Top of SUPPLIED ENTRIES

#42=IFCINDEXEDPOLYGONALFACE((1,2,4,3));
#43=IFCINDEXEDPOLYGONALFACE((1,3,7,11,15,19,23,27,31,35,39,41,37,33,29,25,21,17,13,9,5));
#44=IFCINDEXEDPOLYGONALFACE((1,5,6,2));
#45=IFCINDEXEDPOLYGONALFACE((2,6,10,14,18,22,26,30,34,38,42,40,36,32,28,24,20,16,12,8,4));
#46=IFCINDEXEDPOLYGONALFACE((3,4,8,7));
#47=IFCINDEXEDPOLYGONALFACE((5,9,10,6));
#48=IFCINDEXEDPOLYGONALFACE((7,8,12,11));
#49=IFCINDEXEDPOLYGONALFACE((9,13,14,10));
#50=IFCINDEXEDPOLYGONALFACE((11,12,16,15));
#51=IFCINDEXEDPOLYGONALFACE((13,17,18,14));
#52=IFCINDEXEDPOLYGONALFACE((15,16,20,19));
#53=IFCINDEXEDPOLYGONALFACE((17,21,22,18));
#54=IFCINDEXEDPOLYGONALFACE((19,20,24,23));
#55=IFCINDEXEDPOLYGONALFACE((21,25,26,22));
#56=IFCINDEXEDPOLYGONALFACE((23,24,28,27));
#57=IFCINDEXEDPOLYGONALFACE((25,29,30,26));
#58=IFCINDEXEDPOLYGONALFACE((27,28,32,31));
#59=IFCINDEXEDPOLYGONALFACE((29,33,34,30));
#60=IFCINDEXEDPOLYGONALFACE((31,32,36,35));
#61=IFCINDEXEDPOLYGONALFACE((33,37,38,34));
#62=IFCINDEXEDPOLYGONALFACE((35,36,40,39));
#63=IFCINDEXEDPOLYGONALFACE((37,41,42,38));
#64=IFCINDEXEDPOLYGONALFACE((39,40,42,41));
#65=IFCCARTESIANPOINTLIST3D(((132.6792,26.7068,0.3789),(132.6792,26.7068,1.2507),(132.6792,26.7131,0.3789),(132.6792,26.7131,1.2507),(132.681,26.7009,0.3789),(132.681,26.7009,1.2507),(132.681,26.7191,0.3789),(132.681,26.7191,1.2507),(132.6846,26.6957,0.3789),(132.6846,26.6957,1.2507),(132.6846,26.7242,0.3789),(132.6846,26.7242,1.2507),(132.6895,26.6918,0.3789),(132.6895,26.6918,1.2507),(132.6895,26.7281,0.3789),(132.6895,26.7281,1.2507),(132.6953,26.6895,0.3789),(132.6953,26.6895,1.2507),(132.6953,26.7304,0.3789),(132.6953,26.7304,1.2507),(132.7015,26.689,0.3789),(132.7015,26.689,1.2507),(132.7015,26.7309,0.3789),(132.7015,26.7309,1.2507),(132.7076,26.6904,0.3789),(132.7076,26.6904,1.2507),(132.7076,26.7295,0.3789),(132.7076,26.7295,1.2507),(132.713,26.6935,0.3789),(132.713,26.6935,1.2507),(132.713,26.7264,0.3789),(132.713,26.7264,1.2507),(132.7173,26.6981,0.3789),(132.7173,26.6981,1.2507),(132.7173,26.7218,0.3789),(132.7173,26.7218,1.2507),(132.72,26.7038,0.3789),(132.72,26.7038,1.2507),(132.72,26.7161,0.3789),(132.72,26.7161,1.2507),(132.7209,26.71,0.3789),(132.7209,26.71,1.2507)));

Bottom of SUPPLIED ENTRIES

EXERCISE BRIEF
Take exactly the lines from the one containing "#51=IFCINDEXEDPOLYGONALFACE((13,17,18,14));" through the one containing "#64=IFCINDEXEDPOLYGONALFACE((39,40,42,41));" in the data above, and output them with nothing added.

SOLUTION TO THIS TASK
#51=IFCINDEXEDPOLYGONALFACE((13,17,18,14));
#52=IFCINDEXEDPOLYGONALFACE((15,16,20,19));
#53=IFCINDEXEDPOLYGONALFACE((17,21,22,18));
#54=IFCINDEXEDPOLYGONALFACE((19,20,24,23));
#55=IFCINDEXEDPOLYGONALFACE((21,25,26,22));
#56=IFCINDEXEDPOLYGONALFACE((23,24,28,27));
#57=IFCINDEXEDPOLYGONALFACE((25,29,30,26));
#58=IFCINDEXEDPOLYGONALFACE((27,28,32,31));
#59=IFCINDEXEDPOLYGONALFACE((29,33,34,30));
#60=IFCINDEXEDPOLYGONALFACE((31,32,36,35));
#61=IFCINDEXEDPOLYGONALFACE((33,37,38,34));
#62=IFCINDEXEDPOLYGONALFACE((35,36,40,39));
#63=IFCINDEXEDPOLYGONALFACE((37,41,42,38));
#64=IFCINDEXEDPOLYGONALFACE((39,40,42,41));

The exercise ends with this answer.